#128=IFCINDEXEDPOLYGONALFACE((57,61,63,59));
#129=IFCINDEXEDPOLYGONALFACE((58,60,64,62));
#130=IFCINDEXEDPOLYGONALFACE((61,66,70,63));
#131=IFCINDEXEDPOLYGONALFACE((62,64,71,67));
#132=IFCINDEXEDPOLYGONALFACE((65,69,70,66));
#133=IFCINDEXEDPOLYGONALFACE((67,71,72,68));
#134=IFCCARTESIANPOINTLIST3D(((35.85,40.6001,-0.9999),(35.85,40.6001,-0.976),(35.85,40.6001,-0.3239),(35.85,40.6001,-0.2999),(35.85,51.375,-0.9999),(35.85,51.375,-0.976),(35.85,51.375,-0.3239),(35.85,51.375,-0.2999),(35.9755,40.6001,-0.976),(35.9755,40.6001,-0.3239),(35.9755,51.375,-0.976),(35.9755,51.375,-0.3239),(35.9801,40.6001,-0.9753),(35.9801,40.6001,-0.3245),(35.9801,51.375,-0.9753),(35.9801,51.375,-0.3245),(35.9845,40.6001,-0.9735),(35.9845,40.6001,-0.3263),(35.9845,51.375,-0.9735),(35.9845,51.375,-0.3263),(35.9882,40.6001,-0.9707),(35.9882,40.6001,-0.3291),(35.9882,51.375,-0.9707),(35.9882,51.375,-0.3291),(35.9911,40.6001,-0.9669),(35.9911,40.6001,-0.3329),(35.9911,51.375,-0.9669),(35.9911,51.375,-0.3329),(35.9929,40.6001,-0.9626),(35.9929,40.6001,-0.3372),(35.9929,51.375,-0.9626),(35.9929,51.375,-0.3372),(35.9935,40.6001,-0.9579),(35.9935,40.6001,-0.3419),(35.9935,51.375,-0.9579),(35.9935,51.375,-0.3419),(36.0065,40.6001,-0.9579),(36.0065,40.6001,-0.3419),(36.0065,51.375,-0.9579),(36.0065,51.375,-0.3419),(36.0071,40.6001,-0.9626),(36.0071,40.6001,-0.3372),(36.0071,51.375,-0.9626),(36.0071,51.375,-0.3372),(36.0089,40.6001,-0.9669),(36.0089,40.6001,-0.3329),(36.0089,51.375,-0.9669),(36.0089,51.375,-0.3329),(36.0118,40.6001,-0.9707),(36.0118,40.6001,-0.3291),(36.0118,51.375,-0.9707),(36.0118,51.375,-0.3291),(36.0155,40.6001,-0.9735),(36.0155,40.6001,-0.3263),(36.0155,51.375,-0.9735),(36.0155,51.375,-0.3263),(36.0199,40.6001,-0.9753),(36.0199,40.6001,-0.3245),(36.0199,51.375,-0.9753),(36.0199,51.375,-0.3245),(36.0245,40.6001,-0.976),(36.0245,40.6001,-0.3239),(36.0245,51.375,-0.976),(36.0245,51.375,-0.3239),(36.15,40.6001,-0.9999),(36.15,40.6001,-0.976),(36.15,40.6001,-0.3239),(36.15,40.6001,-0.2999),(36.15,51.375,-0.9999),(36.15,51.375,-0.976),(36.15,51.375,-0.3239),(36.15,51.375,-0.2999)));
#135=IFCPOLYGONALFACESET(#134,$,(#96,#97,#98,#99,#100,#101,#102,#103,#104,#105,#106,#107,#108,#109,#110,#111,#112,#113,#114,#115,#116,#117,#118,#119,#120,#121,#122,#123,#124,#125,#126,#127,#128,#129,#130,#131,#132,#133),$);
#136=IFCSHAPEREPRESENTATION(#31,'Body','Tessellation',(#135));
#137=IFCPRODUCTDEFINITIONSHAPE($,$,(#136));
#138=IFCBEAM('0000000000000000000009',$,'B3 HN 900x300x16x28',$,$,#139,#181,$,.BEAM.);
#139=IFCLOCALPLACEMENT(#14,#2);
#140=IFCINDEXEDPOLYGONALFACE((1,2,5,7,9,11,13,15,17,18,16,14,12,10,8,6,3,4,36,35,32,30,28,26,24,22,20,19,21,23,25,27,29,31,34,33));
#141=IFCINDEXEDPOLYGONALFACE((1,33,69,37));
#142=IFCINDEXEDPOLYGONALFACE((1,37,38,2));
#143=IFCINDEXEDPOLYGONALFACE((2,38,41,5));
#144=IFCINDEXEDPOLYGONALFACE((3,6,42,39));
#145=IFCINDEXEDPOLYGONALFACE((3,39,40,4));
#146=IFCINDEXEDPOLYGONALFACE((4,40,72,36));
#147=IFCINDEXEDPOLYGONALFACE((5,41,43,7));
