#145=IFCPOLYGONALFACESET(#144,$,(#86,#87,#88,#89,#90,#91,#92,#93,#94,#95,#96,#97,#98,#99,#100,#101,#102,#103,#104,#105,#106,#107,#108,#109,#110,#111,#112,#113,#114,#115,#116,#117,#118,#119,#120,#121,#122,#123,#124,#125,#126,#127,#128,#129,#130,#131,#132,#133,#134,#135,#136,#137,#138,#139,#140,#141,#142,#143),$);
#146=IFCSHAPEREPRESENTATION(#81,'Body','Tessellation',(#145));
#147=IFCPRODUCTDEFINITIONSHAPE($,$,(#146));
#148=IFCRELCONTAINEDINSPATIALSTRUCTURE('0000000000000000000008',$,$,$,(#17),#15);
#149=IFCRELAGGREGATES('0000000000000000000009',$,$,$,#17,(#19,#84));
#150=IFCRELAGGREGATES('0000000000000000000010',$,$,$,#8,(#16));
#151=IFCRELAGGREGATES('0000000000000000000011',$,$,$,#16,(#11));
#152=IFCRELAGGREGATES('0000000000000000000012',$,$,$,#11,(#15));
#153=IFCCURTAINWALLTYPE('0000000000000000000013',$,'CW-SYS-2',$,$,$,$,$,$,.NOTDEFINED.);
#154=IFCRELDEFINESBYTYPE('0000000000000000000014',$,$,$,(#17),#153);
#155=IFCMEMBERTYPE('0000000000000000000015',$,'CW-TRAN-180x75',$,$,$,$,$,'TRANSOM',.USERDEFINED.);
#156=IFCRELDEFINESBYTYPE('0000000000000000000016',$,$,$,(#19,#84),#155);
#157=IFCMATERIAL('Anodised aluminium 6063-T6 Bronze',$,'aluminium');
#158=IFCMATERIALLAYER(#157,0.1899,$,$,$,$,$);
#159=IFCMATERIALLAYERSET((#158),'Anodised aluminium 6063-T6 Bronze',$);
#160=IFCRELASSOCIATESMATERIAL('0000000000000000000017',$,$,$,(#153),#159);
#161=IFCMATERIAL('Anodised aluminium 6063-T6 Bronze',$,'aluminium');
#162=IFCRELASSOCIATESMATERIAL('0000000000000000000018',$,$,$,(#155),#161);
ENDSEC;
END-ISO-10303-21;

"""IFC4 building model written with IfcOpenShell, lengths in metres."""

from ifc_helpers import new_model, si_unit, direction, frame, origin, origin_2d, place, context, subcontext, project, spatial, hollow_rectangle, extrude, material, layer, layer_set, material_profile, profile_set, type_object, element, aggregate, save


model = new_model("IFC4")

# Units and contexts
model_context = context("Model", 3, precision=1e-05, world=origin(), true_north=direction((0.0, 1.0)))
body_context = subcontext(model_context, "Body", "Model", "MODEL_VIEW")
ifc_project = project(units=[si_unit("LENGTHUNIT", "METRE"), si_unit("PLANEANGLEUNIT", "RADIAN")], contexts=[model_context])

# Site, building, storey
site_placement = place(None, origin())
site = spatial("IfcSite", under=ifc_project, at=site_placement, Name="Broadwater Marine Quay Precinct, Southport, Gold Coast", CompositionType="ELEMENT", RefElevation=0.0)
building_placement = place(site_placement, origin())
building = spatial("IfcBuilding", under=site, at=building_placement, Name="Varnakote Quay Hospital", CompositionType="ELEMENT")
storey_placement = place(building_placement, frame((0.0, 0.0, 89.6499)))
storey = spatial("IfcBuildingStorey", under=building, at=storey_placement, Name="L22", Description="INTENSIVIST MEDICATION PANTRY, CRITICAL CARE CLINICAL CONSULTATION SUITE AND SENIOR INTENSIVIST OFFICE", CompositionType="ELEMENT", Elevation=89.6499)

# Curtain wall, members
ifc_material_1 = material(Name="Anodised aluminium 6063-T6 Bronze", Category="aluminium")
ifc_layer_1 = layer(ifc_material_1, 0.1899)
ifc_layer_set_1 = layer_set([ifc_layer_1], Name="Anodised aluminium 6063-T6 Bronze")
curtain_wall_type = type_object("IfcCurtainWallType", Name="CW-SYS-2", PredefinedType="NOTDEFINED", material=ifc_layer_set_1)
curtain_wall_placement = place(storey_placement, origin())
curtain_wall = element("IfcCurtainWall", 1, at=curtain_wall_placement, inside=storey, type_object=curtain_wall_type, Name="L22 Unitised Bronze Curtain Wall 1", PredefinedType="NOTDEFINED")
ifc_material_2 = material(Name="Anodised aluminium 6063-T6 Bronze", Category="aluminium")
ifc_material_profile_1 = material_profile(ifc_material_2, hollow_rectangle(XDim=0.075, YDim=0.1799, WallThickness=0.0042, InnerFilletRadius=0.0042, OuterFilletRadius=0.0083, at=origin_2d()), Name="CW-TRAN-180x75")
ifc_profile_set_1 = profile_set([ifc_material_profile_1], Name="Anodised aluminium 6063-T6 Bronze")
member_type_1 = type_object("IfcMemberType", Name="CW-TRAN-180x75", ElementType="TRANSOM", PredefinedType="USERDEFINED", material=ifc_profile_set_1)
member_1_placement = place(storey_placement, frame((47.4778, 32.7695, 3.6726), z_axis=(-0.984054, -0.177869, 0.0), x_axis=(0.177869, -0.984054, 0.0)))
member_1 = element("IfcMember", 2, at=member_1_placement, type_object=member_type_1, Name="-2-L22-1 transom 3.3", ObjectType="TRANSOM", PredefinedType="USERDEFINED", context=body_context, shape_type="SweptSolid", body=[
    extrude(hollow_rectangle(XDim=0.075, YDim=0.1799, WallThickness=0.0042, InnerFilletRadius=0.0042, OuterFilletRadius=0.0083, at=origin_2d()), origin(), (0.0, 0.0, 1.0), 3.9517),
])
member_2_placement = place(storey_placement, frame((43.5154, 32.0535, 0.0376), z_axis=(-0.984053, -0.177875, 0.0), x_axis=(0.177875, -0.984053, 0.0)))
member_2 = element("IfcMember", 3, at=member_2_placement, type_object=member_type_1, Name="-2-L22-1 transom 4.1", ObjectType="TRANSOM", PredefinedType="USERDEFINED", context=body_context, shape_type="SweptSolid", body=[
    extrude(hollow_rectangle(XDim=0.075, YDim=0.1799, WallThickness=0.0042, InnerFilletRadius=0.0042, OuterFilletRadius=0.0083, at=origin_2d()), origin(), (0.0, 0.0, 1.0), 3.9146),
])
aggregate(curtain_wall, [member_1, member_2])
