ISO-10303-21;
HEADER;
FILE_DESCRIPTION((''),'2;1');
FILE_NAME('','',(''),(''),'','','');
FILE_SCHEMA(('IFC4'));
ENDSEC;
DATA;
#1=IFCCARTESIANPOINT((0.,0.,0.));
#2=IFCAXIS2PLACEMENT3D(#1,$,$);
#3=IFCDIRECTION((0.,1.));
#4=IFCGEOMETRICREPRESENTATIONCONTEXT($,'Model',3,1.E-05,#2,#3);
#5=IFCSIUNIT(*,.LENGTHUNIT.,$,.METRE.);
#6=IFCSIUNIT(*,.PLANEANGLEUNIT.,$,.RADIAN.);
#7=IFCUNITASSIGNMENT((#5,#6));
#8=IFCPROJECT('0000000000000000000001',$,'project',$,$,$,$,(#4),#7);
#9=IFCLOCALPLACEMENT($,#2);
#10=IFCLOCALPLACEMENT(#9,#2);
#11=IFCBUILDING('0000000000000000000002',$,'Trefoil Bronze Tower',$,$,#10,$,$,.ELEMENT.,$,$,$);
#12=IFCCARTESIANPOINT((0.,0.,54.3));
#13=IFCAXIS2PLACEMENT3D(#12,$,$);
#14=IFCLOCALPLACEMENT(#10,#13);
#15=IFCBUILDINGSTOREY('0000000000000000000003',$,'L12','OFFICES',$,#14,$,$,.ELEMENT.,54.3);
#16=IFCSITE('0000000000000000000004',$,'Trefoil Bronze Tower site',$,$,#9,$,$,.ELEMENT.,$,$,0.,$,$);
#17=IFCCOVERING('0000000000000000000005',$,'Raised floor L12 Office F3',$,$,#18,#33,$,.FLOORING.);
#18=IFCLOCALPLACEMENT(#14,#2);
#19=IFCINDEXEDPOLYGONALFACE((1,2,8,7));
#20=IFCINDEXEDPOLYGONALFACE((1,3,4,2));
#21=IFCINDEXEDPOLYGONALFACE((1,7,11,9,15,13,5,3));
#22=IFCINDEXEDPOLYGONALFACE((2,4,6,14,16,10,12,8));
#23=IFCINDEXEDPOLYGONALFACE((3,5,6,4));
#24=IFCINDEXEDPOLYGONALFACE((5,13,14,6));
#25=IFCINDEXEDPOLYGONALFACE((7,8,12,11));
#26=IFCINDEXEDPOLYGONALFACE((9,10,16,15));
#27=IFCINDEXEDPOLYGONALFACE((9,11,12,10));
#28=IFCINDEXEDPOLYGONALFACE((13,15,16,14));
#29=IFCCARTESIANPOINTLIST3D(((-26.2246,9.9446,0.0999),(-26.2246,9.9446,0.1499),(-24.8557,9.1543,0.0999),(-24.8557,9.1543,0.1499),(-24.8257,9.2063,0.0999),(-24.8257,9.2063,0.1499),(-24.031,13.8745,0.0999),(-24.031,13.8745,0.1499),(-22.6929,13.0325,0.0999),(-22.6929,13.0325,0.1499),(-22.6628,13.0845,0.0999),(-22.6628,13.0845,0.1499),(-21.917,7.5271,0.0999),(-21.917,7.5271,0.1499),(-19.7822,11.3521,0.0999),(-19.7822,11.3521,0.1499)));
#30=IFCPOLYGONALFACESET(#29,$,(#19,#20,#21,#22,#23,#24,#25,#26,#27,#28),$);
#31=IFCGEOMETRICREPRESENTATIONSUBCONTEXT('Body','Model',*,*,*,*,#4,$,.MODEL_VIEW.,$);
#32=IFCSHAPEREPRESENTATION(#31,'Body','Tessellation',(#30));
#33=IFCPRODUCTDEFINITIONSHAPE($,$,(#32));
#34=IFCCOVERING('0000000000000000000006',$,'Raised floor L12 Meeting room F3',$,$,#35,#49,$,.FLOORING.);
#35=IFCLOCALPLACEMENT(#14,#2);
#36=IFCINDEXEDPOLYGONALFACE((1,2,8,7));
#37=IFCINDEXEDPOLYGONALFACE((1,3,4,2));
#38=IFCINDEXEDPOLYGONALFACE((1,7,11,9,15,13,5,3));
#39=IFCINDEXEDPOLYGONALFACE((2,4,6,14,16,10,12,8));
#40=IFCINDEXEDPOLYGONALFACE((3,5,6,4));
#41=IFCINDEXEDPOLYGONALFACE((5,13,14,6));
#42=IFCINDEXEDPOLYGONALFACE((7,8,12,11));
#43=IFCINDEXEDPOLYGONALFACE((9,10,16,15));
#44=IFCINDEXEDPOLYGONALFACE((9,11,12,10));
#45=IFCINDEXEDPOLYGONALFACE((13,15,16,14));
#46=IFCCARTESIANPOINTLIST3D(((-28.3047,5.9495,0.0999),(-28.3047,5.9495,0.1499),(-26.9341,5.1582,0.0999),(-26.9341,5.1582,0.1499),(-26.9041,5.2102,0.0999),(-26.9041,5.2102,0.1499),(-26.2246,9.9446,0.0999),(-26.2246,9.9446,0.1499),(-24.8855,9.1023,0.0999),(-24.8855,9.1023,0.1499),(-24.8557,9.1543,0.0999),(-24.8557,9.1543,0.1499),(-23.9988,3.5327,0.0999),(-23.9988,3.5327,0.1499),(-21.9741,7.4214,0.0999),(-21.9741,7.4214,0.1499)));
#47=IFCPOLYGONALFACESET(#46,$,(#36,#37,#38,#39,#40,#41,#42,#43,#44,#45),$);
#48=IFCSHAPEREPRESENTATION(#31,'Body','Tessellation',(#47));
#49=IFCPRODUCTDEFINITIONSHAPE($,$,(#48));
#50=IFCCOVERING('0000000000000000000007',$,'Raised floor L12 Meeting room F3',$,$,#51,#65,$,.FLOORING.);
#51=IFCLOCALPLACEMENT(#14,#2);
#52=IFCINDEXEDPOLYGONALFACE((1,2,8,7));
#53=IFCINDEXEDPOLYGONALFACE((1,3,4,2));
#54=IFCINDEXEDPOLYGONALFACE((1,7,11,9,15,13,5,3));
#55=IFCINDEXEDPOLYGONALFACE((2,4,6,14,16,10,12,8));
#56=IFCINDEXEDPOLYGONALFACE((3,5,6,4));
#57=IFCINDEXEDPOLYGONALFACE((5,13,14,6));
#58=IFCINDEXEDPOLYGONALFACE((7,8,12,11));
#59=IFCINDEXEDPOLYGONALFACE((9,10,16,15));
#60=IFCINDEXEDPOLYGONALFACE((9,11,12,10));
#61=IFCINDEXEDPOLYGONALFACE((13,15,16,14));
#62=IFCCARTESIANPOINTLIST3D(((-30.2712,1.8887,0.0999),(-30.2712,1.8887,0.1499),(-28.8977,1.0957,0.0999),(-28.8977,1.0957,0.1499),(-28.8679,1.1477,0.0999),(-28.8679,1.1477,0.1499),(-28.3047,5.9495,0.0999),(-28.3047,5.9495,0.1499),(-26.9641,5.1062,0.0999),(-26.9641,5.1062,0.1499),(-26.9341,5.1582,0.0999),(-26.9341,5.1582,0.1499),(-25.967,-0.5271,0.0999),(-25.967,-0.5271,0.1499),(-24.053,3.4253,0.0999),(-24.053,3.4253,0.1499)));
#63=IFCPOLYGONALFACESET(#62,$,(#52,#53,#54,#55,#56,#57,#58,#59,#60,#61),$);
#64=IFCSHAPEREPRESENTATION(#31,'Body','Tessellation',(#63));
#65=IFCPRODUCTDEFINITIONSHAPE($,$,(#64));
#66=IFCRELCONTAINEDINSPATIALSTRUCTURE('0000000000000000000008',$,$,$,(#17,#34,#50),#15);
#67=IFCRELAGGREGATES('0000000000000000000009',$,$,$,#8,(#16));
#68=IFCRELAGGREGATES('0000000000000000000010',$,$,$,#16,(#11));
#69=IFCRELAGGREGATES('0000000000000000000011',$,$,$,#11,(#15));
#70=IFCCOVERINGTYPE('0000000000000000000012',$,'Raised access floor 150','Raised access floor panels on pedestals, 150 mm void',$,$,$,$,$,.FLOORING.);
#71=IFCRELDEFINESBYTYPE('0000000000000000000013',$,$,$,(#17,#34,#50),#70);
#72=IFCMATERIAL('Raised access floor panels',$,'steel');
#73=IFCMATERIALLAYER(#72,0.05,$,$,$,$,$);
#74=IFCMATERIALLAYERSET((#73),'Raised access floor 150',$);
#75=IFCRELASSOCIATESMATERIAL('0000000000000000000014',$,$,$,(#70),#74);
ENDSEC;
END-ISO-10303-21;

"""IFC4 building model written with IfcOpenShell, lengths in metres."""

from ifc_helpers import new_model, si_unit, direction, frame, origin, place, context, subcontext, project, spatial, polyline, outline, extrude, material, layer, layer_set, type_object, element, save


model = new_model("IFC4")

# Units and contexts
model_context = context("Model", 3, precision=1e-05, world=origin(), true_north=direction((0.0, 1.0)))
body_context = subcontext(model_context, "Body", "Model", "MODEL_VIEW")
ifc_project = project(units=[si_unit("LENGTHUNIT", "METRE"), si_unit("PLANEANGLEUNIT", "RADIAN")], contexts=[model_context])

# Site, building, storey
site_placement = place(None, origin())
site = spatial("IfcSite", under=ifc_project, at=site_placement, Name="Trefoil Bronze Tower site", CompositionType="ELEMENT", RefElevation=0.0)
building_placement = place(site_placement, origin())
building = spatial("IfcBuilding", under=site, at=building_placement, Name="Trefoil Bronze Tower", CompositionType="ELEMENT")
storey_placement = place(building_placement, frame((0.0, 0.0, 54.3)))
storey = spatial("IfcBuildingStorey", under=building, at=storey_placement, Name="L12", Description="OFFICES", CompositionType="ELEMENT", Elevation=54.3)

# Coverings
ifc_material_1 = material(Name="Raised access floor panels", Category="steel")
ifc_layer_1 = layer(ifc_material_1, 0.05)
ifc_layer_set_1 = layer_set([ifc_layer_1], Name="Raised access floor 150")
covering_type_1 = type_object("IfcCoveringType", Name="Raised access floor 150", Description="Raised access floor panels on pedestals, 150 mm void", PredefinedType="FLOORING", material=ifc_layer_set_1)
covering_1_placement = place(storey_placement, frame((0.0, 0.0, 0.0999)))
element("IfcCovering", 1, at=covering_1_placement, inside=storey, type_object=covering_type_1, Name="Raised floor L12 Office F3", PredefinedType="FLOORING", context=body_context, shape_type="SweptSolid", body=[
    extrude(outline(polyline([(-26.2246, 9.9446), (-24.031, 13.8745), (-22.6628, 13.0845), (-22.6929, 13.0325), (-19.7822, 11.3521), (-21.917, 7.5271), (-24.8257, 9.2063), (-24.8557, 9.1543), (-26.2246, 9.9446)])), origin(), (0.0, 0.0, 1.0), 0.05),
])
covering_2_placement = place(storey_placement, frame((0.0, 0.0, 0.0999)))
element("IfcCovering", 2, at=covering_2_placement, inside=storey, type_object=covering_type_1, Name="Raised floor L12 Meeting room F3", PredefinedType="FLOORING", context=body_context, shape_type="SweptSolid", body=[
    extrude(outline(polyline([(-28.3047, 5.9495), (-26.2246, 9.9446), (-24.8557, 9.1543), (-24.8855, 9.1023), (-21.9741, 7.4214), (-23.9988, 3.5327), (-26.9041, 5.2102), (-26.9341, 5.1582), (-28.3047, 5.9495)])), origin(), (0.0, 0.0, 1.0), 0.05),
])
covering_3_placement = place(storey_placement, frame((0.0, 0.0, 0.0999)))
element("IfcCovering", 3, at=covering_3_placement, inside=storey, type_object=covering_type_1, Name="Raised floor L12 Meeting room F3", PredefinedType="FLOORING", context=body_context, shape_type="SweptSolid", body=[
    extrude(outline(polyline([(-30.2712, 1.8887), (-28.3047, 5.9495), (-26.9341, 5.1582), (-26.9641, 5.1062), (-24.053, 3.4253), (-25.967, -0.5271), (-28.8679, 1.1477), (-28.8977, 1.0957), (-30.2712, 1.8887)])), origin(), (0.0, 0.0, 1.0), 0.05),
])

save(model, "model.ifc")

========================================================================

From the listing above, the lines starting with the one that has "#25=IFCINDEXEDPOLYGONALFACE((7,8,12,11));" and running through the one that has "#45=IFCINDEXEDPOLYGONALFACE((13,15,16,14));" should be copied exactly, ends included.

* _SOLUTION TO THIS PROBLEM_:
#25=IFCINDEXEDPOLYGONALFACE((7,8,12,11));
#26=IFCINDEXEDPOLYGONALFACE((9,10,16,15));
#27=IFCINDEXEDPOLYGONALFACE((9,11,12,10));
#28=IFCINDEXEDPOLYGONALFACE((13,15,16,14));
#29=IFCCARTESIANPOINTLIST3D(((-26.2246,9.9446,0.0999),(-26.2246,9.9446,0.1499),(-24.8557,9.1543,0.0999),(-24.8557,9.1543,0.1499),(-24.8257,9.2063,0.0999),(-24.8257,9.2063,0.1499),(-24.031,13.8745,0.0999),(-24.031,13.8745,0.1499),(-22.6929,13.0325,0.0999),(-22.6929,13.0325,0.1499),(-22.6628,13.0845,0.0999),(-22.6628,13.0845,0.1499),(-21.917,7.5271,0.0999),(-21.917,7.5271,0.1499),(-19.7822,11.3521,0.0999),(-19.7822,11.3521,0.1499)));
#30=IFCPOLYGONALFACESET(#29,$,(#19,#20,#21,#22,#23,#24,#25,#26,#27,#28),$);
#31=IFCGEOMETRICREPRESENTATIONSUBCONTEXT('Body','Model',*,*,*,*,#4,$,.MODEL_VIEW.,$);
#32=IFCSHAPEREPRESENTATION(#31,'Body','Tessellation',(#30));
#33=IFCPRODUCTDEFINITIONSHAPE($,$,(#32));
#34=IFCCOVERING('0000000000000000000006',$,'Raised floor L12 Meeting room F3',$,$,#35,#49,$,.FLOORING.);
#35=IFCLOCALPLACEMENT(#14,#2);
#36=IFCINDEXEDPOLYGONALFACE((1,2,8,7));
#37=IFCINDEXEDPOLYGONALFACE((1,3,4,2));
#38=IFCINDEXEDPOLYGONALFACE((1,7,11,9,15,13,5,3));
#39=IFCINDEXEDPOLYGONALFACE((2,4,6,14,16,10,12,8));
#40=IFCINDEXEDPOLYGONALFACE((3,5,6,4));
#41=IFCINDEXEDPOLYGONALFACE((5,13,14,6));
#42=IFCINDEXEDPOLYGONALFACE((7,8,12,11));
#43=IFCINDEXEDPOLYGONALFACE((9,10,16,15));
#44=IFCINDEXEDPOLYGONALFACE((9,11,12,10));
#45=IFCINDEXEDPOLYGONALFACE((13,15,16,14));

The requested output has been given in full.